*Your assignment*:
The response must consist of the lines below from the one with "#151=IFCINDEXEDPOLYGONALFACE((1,3,4,2));" through the one with "#155=IFCINDEXEDPOLYGONALFACE((5,6,8,7));", exactly as they appear and with both ends kept.

*Records supplied*:
================================

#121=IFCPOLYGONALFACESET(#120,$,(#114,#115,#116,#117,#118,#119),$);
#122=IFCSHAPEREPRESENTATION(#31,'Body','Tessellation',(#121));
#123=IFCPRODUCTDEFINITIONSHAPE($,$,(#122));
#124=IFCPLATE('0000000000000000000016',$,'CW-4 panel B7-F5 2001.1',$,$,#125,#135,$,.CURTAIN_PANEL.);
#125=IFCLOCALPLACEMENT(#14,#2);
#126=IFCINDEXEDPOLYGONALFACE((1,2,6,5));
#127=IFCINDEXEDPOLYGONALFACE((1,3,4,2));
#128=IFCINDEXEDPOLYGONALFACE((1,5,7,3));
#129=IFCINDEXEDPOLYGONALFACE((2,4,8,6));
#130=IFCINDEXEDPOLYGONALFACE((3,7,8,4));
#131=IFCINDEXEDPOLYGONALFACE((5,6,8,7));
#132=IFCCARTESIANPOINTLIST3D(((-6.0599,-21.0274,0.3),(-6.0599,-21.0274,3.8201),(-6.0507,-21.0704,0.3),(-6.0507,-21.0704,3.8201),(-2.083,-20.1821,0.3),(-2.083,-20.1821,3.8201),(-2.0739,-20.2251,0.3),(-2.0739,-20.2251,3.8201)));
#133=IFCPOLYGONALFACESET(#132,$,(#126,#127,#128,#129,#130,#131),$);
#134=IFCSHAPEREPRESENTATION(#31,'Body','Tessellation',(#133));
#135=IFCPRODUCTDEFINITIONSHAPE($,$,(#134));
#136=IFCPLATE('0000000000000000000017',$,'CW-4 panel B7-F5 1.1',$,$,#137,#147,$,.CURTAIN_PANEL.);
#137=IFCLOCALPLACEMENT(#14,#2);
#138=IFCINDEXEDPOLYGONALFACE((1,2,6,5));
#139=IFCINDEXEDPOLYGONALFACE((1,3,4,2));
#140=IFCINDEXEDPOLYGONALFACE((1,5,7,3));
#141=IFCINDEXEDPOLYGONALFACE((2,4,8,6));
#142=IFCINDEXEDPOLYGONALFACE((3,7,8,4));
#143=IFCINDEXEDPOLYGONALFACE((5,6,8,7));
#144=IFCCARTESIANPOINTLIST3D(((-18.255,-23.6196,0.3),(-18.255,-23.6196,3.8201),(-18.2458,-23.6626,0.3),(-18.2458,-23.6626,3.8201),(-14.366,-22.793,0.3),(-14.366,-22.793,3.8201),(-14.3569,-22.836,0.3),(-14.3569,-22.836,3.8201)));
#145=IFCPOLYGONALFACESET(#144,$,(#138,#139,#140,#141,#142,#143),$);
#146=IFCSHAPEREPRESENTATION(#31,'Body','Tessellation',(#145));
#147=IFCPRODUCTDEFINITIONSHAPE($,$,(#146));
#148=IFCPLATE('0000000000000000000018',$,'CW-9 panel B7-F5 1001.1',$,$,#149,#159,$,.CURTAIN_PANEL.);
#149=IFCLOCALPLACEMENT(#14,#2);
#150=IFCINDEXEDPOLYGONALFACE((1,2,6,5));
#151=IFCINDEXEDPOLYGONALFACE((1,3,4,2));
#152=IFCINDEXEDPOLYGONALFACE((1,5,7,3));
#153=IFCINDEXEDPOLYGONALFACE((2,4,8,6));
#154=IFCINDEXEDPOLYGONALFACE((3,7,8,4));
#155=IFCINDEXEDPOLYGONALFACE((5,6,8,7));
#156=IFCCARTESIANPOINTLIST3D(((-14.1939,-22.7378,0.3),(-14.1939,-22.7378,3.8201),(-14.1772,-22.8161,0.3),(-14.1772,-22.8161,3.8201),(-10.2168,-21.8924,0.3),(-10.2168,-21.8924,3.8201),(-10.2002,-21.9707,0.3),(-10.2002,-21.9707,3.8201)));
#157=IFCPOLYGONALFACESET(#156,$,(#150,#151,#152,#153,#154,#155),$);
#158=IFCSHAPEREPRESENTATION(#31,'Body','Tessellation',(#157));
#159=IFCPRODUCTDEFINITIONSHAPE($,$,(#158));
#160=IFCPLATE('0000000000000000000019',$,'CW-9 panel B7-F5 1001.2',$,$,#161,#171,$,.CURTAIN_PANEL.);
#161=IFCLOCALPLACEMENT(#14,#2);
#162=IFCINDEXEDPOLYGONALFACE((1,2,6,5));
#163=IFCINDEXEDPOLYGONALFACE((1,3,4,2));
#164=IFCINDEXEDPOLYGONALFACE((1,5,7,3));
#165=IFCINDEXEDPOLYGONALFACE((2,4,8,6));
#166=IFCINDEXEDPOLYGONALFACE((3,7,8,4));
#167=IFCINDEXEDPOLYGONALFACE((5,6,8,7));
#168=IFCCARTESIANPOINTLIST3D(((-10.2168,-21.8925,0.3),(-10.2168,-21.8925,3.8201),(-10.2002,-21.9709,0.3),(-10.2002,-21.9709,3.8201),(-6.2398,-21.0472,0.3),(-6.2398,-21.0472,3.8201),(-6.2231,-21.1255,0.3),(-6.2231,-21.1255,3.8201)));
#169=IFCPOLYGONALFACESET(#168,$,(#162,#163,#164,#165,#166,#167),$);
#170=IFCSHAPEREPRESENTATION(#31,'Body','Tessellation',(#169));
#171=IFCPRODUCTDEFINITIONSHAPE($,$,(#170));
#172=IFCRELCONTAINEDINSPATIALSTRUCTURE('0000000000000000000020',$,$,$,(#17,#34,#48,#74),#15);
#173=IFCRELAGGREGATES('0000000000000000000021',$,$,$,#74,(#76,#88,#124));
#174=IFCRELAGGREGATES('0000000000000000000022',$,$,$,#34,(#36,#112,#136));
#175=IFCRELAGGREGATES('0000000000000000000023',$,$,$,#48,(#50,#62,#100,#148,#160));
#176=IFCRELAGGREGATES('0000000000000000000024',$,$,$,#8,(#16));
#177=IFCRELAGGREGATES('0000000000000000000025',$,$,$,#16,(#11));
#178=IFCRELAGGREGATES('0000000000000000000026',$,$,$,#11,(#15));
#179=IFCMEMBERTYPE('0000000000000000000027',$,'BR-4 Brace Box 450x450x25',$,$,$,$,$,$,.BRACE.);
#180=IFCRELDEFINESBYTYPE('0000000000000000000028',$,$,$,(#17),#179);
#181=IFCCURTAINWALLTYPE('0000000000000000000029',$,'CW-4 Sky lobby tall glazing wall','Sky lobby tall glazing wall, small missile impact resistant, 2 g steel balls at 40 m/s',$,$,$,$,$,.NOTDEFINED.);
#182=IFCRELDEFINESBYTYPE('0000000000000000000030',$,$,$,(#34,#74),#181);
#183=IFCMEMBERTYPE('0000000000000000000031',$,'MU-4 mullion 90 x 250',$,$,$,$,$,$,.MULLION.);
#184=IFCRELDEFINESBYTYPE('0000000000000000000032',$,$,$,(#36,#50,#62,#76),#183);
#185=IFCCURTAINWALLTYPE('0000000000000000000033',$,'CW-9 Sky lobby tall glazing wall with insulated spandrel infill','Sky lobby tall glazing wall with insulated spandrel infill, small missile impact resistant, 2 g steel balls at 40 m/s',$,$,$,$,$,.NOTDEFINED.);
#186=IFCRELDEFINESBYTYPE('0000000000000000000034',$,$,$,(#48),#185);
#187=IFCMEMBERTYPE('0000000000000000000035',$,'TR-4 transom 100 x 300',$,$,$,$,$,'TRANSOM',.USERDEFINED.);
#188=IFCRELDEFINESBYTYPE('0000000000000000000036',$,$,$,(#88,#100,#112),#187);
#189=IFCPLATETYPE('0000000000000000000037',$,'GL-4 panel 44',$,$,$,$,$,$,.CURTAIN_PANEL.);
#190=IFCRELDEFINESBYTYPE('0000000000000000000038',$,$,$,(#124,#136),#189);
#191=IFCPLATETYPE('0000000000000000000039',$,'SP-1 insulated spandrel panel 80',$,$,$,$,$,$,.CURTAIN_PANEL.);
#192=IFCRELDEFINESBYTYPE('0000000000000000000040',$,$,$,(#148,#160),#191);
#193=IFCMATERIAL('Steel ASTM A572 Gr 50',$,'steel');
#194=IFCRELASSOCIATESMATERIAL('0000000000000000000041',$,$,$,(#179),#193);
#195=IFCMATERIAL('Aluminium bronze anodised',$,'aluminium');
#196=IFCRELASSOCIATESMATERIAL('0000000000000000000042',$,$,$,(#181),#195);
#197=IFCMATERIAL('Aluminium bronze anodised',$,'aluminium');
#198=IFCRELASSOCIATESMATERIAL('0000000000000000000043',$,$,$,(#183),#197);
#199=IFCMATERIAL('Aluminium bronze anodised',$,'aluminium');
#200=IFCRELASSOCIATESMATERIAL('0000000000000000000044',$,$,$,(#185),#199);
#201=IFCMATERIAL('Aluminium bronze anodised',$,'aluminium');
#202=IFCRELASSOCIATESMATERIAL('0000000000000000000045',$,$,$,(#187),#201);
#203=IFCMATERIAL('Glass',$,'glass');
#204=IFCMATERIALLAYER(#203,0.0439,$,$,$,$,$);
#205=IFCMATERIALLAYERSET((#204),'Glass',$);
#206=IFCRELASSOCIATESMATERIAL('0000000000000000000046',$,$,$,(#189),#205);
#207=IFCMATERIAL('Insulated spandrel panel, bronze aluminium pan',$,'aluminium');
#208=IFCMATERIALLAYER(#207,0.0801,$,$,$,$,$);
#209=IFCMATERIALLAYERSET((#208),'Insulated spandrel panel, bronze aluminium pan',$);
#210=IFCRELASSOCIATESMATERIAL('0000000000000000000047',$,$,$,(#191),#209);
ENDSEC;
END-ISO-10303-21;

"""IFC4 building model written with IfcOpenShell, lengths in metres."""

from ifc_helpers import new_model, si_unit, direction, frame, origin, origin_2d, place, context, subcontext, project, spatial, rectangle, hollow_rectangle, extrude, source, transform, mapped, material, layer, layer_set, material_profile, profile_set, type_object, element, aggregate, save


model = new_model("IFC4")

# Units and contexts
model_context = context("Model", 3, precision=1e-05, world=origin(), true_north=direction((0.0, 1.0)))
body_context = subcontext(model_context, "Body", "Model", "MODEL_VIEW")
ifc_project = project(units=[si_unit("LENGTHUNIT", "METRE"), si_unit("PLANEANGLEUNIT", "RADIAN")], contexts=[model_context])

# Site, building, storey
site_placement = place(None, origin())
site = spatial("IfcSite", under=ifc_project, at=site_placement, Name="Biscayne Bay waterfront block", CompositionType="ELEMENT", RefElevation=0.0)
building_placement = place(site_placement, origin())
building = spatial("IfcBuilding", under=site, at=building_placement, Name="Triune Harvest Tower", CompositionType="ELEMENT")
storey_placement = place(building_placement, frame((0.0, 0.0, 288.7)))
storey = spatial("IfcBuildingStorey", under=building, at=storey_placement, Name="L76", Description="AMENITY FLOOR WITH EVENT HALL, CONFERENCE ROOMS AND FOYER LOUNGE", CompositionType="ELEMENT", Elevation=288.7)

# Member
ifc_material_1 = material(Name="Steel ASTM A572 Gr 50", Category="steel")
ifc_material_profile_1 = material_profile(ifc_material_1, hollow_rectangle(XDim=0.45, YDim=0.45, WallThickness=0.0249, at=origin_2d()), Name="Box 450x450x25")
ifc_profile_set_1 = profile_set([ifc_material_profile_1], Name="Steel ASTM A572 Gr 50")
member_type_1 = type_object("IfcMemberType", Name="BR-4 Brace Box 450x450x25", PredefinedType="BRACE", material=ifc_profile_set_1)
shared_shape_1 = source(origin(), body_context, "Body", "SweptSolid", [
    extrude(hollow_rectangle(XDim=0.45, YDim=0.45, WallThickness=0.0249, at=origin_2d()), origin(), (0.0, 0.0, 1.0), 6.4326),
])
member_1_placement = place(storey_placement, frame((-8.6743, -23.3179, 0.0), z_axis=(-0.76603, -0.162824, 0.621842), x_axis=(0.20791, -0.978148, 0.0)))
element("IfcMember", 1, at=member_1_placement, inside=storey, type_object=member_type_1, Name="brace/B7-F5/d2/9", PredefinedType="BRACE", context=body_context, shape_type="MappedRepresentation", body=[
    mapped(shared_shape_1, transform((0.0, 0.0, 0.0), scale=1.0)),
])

================================

*Task output*:
#151=IFCINDEXEDPOLYGONALFACE((1,3,4,2));
#152=IFCINDEXEDPOLYGONALFACE((1,5,7,3));
#153=IFCINDEXEDPOLYGONALFACE((2,4,8,6));
#154=IFCINDEXEDPOLYGONALFACE((3,7,8,4));
#155=IFCINDEXEDPOLYGONALFACE((5,6,8,7));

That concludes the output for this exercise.